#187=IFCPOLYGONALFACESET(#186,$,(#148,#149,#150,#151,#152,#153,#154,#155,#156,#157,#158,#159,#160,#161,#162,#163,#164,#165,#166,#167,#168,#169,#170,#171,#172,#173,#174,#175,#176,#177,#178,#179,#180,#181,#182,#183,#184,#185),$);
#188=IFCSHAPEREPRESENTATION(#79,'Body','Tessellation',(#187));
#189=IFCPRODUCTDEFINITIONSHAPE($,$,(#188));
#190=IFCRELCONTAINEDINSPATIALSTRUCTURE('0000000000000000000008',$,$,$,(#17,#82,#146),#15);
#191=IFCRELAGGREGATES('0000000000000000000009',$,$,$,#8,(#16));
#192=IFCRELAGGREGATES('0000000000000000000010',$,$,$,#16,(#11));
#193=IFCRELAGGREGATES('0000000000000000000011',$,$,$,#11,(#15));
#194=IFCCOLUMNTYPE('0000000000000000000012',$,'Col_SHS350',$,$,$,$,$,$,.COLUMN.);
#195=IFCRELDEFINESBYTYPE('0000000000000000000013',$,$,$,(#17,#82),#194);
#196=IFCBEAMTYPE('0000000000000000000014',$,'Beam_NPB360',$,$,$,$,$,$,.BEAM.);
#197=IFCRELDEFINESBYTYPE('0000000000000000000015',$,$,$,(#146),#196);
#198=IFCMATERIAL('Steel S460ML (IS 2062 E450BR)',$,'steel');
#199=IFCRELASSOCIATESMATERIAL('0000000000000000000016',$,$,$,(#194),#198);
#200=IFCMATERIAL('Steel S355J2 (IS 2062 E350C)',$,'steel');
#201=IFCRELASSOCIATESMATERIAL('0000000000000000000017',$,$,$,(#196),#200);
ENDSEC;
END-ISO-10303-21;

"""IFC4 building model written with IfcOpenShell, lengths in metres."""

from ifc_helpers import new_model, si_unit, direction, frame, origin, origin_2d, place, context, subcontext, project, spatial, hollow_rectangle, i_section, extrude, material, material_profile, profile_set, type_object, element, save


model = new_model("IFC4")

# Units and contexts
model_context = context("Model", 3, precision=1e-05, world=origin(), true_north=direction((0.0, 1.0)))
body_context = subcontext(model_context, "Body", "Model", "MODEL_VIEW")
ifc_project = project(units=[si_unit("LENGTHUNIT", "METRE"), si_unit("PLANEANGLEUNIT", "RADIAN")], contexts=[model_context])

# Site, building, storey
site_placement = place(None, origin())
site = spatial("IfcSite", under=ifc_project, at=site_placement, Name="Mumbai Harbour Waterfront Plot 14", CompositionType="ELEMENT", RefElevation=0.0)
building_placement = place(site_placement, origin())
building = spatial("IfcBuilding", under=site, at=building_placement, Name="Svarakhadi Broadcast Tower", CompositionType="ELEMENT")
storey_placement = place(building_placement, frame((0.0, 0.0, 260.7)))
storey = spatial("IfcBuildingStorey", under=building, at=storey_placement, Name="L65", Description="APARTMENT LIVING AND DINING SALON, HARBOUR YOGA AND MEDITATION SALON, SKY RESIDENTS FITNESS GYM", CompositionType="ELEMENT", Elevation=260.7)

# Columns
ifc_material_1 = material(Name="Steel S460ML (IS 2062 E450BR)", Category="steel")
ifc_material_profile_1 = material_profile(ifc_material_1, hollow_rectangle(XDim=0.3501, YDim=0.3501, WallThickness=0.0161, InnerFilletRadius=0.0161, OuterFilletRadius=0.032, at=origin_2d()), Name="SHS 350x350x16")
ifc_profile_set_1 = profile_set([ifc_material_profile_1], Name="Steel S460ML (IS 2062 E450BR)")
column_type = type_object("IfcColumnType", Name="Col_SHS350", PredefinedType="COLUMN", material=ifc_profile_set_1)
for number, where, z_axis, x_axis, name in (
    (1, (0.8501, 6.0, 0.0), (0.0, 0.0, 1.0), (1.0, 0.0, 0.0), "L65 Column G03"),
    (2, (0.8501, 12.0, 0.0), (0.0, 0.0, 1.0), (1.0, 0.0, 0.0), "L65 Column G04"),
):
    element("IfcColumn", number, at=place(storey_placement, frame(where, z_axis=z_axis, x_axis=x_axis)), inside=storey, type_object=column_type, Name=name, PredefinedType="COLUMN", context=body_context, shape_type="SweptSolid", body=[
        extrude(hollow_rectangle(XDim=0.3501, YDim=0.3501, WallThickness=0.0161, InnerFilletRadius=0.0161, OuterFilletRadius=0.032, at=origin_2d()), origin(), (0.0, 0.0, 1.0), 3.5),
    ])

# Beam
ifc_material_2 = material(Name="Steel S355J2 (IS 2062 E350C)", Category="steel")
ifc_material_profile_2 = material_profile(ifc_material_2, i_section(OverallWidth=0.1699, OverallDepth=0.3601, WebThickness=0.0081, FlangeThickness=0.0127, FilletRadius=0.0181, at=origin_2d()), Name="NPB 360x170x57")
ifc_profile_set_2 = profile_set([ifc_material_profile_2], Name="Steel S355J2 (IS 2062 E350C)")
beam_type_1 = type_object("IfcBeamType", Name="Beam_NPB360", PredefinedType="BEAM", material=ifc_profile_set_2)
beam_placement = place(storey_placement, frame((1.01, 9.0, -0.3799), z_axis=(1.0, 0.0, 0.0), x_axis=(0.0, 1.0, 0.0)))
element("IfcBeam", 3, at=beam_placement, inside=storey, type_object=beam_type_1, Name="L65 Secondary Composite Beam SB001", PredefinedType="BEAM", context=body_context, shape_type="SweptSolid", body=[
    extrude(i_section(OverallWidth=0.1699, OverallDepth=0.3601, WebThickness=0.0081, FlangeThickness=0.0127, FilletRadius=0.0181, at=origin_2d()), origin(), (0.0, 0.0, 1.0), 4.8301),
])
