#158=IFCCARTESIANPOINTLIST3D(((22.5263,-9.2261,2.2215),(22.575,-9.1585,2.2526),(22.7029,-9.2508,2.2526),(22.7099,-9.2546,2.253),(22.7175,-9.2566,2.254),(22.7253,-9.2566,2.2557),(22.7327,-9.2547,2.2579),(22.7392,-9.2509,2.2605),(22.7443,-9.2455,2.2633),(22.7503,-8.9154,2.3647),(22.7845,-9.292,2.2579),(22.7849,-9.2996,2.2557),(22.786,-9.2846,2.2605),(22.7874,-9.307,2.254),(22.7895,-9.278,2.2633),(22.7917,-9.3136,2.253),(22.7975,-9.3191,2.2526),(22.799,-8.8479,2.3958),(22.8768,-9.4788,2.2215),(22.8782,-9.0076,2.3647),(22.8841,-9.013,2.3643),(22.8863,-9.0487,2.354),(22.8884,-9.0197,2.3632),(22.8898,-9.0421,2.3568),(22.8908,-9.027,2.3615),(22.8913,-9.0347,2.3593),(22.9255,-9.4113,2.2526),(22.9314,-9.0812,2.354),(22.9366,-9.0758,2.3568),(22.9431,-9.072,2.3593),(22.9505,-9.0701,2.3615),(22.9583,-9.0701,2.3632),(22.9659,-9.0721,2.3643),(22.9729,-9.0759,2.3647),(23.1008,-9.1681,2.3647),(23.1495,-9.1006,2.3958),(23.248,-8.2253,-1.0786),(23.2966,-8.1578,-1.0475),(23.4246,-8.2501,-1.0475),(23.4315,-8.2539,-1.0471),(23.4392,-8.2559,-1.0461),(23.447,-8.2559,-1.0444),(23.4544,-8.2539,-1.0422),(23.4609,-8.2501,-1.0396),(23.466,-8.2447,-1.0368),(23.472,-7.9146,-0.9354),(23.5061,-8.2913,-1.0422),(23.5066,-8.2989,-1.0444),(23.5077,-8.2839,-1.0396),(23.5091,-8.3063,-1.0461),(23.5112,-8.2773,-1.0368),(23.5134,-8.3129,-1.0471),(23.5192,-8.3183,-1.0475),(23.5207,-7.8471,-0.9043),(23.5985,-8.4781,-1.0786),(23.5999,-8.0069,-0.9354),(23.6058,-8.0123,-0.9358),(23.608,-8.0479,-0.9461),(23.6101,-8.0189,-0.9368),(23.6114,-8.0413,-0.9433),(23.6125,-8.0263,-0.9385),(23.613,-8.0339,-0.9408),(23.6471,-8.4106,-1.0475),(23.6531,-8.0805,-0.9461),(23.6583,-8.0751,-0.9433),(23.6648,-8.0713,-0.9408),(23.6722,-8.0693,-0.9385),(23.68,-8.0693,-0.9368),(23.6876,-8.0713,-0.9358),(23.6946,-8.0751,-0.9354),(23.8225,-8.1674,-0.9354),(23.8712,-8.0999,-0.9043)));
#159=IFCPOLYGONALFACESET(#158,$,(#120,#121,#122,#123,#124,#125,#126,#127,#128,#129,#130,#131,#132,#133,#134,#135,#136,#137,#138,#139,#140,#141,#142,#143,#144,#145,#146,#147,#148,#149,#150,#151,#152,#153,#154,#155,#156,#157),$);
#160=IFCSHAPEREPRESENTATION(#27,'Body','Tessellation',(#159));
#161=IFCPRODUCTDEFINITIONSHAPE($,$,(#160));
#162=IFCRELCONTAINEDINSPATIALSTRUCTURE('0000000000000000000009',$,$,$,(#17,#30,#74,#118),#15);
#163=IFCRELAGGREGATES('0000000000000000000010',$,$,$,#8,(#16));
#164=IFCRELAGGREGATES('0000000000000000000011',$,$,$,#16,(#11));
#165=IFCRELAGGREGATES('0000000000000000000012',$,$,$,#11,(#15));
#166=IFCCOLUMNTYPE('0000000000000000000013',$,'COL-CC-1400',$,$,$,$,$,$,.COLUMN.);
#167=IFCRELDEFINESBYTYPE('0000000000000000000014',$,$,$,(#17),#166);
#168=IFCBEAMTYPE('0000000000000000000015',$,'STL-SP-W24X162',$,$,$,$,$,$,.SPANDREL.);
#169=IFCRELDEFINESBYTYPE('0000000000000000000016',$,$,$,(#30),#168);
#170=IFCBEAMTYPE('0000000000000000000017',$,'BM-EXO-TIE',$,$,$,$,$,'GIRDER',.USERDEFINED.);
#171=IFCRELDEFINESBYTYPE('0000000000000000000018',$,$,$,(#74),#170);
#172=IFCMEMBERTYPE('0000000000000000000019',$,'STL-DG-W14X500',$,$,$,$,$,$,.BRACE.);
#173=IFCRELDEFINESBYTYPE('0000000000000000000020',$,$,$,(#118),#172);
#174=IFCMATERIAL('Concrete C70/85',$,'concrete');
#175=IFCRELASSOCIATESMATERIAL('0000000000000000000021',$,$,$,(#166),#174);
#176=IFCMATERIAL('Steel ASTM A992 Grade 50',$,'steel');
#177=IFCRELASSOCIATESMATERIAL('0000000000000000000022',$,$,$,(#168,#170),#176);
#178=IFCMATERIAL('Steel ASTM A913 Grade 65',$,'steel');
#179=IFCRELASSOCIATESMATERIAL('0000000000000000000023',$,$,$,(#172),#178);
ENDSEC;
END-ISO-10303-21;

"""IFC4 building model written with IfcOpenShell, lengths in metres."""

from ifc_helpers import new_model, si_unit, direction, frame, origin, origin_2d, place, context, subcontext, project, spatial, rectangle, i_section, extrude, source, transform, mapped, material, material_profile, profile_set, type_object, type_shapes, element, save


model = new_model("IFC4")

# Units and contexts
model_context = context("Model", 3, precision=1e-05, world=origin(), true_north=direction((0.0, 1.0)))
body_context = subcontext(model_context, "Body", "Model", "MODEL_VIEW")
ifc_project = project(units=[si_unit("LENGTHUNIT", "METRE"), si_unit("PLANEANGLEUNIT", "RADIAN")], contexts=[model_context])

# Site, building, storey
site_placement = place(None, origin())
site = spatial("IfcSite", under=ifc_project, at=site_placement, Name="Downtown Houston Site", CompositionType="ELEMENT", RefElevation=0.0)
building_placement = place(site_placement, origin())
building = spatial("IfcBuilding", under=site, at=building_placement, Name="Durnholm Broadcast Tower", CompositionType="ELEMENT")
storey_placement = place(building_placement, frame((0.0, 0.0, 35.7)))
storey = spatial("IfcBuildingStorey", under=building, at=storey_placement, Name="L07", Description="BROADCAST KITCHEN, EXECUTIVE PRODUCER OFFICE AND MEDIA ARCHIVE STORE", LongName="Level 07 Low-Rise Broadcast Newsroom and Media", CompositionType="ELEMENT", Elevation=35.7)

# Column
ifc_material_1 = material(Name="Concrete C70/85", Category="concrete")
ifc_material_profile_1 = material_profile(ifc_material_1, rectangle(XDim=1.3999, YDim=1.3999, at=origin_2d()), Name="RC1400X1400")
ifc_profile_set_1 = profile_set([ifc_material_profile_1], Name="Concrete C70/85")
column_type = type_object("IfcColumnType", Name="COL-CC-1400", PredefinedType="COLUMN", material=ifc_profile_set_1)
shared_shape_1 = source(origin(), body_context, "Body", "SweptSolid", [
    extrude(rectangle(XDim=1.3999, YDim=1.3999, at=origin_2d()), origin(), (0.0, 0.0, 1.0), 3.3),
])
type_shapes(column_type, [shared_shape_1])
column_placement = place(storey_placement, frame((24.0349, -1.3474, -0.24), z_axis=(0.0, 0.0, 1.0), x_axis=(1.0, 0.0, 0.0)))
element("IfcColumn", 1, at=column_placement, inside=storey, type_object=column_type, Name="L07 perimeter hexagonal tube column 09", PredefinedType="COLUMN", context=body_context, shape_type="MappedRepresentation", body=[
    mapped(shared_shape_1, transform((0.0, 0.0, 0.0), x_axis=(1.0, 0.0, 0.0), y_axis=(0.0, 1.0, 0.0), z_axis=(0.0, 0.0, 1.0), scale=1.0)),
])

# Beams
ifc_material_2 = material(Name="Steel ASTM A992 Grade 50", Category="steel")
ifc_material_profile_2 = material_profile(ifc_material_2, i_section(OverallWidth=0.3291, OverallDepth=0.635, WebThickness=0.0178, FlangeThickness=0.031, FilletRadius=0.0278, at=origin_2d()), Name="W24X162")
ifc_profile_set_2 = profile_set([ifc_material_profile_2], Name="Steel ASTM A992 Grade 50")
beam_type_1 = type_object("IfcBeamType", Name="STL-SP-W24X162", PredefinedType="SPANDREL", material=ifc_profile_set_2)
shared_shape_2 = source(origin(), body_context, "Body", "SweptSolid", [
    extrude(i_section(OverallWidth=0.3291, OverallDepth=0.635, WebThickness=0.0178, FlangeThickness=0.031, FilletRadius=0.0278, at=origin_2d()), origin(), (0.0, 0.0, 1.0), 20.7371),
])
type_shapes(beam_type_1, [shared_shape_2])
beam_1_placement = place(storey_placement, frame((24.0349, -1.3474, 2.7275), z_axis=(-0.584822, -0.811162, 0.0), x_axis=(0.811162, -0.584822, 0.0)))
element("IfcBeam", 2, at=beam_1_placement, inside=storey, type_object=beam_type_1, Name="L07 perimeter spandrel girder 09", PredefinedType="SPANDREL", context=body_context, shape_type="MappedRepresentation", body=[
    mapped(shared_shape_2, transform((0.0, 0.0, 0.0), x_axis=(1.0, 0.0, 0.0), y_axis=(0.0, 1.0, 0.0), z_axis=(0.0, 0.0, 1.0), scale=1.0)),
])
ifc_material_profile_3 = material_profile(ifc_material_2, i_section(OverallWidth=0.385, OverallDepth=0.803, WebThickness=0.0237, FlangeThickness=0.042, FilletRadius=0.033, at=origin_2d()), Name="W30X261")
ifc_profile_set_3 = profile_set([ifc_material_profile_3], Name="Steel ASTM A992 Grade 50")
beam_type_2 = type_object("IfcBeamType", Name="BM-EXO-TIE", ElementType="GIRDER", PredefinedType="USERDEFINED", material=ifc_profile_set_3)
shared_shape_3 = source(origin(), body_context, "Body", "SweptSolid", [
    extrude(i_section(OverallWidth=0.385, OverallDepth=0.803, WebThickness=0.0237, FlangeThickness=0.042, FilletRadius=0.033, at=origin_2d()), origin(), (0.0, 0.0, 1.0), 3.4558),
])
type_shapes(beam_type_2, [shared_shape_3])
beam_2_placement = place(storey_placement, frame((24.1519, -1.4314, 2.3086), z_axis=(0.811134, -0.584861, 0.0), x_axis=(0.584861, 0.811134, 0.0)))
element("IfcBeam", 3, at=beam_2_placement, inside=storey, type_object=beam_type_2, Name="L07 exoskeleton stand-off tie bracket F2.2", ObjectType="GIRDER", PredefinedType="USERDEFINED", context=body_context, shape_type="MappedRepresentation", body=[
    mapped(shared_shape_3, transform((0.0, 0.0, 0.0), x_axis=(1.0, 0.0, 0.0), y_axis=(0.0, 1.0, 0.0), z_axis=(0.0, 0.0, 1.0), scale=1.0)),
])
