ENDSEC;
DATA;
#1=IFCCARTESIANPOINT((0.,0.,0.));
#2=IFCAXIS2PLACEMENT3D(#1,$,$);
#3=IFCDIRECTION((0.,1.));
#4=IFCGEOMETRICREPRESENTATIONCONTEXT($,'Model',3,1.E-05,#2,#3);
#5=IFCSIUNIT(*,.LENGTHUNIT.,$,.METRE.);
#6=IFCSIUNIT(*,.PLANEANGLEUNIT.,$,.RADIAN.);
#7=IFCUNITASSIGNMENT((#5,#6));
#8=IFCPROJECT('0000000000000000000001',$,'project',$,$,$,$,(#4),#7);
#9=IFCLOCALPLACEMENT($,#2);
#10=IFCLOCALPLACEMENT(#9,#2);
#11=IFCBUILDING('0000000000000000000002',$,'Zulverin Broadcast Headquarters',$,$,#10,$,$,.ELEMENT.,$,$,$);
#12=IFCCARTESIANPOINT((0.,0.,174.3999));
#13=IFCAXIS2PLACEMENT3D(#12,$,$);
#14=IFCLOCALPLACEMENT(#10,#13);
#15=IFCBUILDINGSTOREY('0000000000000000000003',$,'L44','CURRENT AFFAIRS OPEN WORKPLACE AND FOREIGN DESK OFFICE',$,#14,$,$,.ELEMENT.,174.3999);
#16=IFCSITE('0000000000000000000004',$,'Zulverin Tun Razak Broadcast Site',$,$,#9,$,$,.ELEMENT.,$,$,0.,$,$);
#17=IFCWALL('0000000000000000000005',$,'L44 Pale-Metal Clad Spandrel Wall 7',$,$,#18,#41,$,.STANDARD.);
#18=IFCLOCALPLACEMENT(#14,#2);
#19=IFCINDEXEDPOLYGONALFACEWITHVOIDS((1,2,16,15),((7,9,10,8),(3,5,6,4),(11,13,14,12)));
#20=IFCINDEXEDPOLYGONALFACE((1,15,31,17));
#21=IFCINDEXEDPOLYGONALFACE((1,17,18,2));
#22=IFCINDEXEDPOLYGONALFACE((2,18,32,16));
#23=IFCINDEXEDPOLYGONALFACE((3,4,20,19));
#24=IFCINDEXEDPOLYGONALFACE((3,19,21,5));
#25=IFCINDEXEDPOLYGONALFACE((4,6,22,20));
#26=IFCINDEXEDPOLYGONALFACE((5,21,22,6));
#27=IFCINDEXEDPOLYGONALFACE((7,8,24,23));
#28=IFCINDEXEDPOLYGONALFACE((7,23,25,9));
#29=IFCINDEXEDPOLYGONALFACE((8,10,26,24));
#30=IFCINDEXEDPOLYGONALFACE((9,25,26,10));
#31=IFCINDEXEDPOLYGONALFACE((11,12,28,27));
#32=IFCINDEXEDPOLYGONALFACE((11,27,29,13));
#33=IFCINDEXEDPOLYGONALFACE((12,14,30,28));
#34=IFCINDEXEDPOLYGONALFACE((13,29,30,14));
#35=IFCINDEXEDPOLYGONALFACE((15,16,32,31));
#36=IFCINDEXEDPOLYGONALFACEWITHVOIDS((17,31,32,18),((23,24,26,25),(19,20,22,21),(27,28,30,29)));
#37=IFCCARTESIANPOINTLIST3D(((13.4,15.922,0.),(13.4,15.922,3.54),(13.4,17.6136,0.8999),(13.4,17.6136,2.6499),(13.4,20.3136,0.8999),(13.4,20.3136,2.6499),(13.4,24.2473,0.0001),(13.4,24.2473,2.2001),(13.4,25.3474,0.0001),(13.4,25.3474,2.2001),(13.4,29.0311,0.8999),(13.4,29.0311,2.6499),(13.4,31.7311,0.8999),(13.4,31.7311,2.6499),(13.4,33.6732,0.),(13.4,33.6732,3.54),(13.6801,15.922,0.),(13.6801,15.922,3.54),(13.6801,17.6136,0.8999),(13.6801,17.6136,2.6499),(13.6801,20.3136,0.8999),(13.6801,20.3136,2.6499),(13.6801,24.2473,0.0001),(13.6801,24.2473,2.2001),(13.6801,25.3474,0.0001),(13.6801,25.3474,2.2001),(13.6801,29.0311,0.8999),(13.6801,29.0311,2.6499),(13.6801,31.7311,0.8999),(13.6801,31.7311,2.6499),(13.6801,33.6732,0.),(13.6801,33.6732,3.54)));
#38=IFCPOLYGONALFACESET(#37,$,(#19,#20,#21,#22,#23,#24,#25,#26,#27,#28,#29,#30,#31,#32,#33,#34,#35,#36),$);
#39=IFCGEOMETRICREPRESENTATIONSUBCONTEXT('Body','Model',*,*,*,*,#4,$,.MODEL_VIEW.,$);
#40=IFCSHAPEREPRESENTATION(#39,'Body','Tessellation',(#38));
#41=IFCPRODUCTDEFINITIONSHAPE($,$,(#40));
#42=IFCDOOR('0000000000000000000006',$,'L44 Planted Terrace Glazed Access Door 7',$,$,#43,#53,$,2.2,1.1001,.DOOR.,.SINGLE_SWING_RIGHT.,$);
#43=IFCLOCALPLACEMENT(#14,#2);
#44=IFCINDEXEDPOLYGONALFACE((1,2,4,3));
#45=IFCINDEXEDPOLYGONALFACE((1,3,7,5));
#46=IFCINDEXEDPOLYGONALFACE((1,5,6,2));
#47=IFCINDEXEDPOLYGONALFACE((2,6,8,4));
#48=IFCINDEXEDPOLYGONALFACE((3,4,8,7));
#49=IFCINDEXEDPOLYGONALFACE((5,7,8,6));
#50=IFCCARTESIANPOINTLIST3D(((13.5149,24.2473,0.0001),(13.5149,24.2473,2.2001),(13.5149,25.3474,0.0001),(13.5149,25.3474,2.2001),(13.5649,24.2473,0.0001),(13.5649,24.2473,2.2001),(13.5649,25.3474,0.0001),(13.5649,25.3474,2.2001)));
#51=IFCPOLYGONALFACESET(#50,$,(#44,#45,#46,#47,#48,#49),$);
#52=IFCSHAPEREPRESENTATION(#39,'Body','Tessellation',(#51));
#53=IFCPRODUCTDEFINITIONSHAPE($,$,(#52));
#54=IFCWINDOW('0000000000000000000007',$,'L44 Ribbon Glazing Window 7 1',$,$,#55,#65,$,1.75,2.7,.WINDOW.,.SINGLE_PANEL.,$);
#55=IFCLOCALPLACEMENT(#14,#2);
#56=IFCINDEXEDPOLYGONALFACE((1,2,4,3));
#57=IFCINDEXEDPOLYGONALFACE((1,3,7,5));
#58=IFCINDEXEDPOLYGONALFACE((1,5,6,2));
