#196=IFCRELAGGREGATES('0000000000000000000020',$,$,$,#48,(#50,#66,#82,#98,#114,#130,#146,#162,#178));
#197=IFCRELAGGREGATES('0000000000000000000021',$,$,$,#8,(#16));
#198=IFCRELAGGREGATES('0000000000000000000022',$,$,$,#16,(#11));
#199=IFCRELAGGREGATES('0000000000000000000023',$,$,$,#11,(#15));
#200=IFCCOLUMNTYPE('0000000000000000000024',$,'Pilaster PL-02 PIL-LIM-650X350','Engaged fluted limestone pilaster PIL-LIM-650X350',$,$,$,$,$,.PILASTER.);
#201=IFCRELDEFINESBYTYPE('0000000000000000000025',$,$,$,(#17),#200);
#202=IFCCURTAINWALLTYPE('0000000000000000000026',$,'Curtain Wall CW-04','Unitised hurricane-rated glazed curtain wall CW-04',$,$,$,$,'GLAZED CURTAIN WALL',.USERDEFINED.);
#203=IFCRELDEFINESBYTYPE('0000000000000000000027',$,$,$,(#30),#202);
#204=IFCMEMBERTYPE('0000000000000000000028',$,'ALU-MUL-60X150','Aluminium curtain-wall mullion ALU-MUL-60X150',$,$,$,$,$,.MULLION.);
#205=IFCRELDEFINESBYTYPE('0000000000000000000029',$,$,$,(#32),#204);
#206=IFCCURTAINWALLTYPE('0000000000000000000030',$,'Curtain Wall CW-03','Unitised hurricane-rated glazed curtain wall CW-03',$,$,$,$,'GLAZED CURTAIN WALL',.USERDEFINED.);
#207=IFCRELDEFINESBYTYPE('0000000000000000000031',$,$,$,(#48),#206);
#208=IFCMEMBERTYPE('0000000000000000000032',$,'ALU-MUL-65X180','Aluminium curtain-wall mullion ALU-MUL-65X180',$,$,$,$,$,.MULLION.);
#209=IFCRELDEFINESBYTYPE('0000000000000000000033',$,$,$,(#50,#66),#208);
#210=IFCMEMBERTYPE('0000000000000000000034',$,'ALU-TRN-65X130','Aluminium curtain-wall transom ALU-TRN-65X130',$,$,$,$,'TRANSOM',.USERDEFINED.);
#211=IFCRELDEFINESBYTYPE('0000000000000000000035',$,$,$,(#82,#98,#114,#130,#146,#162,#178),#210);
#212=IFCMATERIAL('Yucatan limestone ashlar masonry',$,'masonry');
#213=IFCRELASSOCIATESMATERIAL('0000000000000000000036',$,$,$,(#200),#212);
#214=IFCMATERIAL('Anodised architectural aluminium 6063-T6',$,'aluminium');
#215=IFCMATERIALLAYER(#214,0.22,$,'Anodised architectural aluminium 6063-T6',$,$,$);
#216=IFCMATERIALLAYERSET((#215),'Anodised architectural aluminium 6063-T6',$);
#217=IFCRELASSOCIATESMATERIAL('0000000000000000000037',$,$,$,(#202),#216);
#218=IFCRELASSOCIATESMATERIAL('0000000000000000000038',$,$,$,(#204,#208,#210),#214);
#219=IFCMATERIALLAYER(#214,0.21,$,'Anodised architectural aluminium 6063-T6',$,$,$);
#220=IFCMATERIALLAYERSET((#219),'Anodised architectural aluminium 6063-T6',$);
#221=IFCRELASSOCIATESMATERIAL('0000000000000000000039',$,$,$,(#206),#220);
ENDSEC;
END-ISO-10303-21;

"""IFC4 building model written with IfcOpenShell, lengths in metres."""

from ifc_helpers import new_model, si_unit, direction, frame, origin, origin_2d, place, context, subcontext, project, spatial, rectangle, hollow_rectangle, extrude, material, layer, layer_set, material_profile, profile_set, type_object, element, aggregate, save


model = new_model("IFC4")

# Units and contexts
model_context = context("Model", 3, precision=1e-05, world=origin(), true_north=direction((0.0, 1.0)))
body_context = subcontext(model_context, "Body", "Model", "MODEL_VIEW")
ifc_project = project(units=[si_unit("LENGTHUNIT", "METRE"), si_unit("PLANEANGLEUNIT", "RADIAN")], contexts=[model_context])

§ Exercise directions
Check each line in the records for the word "IFCMATERIALLAYERSET" and say how many have it, with nothing else.

§ Task answer
2